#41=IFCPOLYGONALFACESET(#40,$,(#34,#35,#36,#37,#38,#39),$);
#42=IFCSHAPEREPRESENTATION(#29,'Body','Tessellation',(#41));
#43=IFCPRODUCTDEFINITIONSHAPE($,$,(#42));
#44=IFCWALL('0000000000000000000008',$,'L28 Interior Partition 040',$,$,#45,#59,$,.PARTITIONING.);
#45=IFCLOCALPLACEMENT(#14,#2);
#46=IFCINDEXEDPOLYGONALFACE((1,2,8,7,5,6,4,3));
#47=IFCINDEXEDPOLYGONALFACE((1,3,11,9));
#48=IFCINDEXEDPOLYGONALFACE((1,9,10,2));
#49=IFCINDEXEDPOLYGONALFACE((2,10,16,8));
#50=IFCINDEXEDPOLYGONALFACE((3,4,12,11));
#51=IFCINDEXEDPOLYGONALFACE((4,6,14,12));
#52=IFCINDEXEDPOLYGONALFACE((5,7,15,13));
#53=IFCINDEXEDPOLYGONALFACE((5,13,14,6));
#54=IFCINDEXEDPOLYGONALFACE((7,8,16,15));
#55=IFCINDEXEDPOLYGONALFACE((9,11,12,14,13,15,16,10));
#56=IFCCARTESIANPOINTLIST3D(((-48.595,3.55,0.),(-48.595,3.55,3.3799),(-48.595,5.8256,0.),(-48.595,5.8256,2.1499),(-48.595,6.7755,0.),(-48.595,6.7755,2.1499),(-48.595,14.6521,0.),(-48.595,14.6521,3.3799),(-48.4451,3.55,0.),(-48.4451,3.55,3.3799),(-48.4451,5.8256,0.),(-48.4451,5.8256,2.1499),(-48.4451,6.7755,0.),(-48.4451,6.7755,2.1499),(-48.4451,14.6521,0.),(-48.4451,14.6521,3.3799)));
= = =
* _Your goal_
Beginning with the line that holds "#48=IFCINDEXEDPOLYGONALFACE((1,9,10,2));", please return every line through the end of the data, exactly as written.

* _Solution to this problem_
#48=IFCINDEXEDPOLYGONALFACE((1,9,10,2));
#49=IFCINDEXEDPOLYGONALFACE((2,10,16,8));
#50=IFCINDEXEDPOLYGONALFACE((3,4,12,11));
#51=IFCINDEXEDPOLYGONALFACE((4,6,14,12));
#52=IFCINDEXEDPOLYGONALFACE((5,7,15,13));
#53=IFCINDEXEDPOLYGONALFACE((5,13,14,6));
#54=IFCINDEXEDPOLYGONALFACE((7,8,16,15));
#55=IFCINDEXEDPOLYGONALFACE((9,11,12,14,13,15,16,10));
#56=IFCCARTESIANPOINTLIST3D(((-48.595,3.55,0.),(-48.595,3.55,3.3799),(-48.595,5.8256,0.),(-48.595,5.8256,2.1499),(-48.595,6.7755,0.),(-48.595,6.7755,2.1499),(-48.595,14.6521,0.),(-48.595,14.6521,3.3799),(-48.4451,3.55,0.),(-48.4451,3.55,3.3799),(-48.4451,5.8256,0.),(-48.4451,5.8256,2.1499),(-48.4451,6.7755,0.),(-48.4451,6.7755,2.1499),(-48.4451,14.6521,0.),(-48.4451,14.6521,3.3799)));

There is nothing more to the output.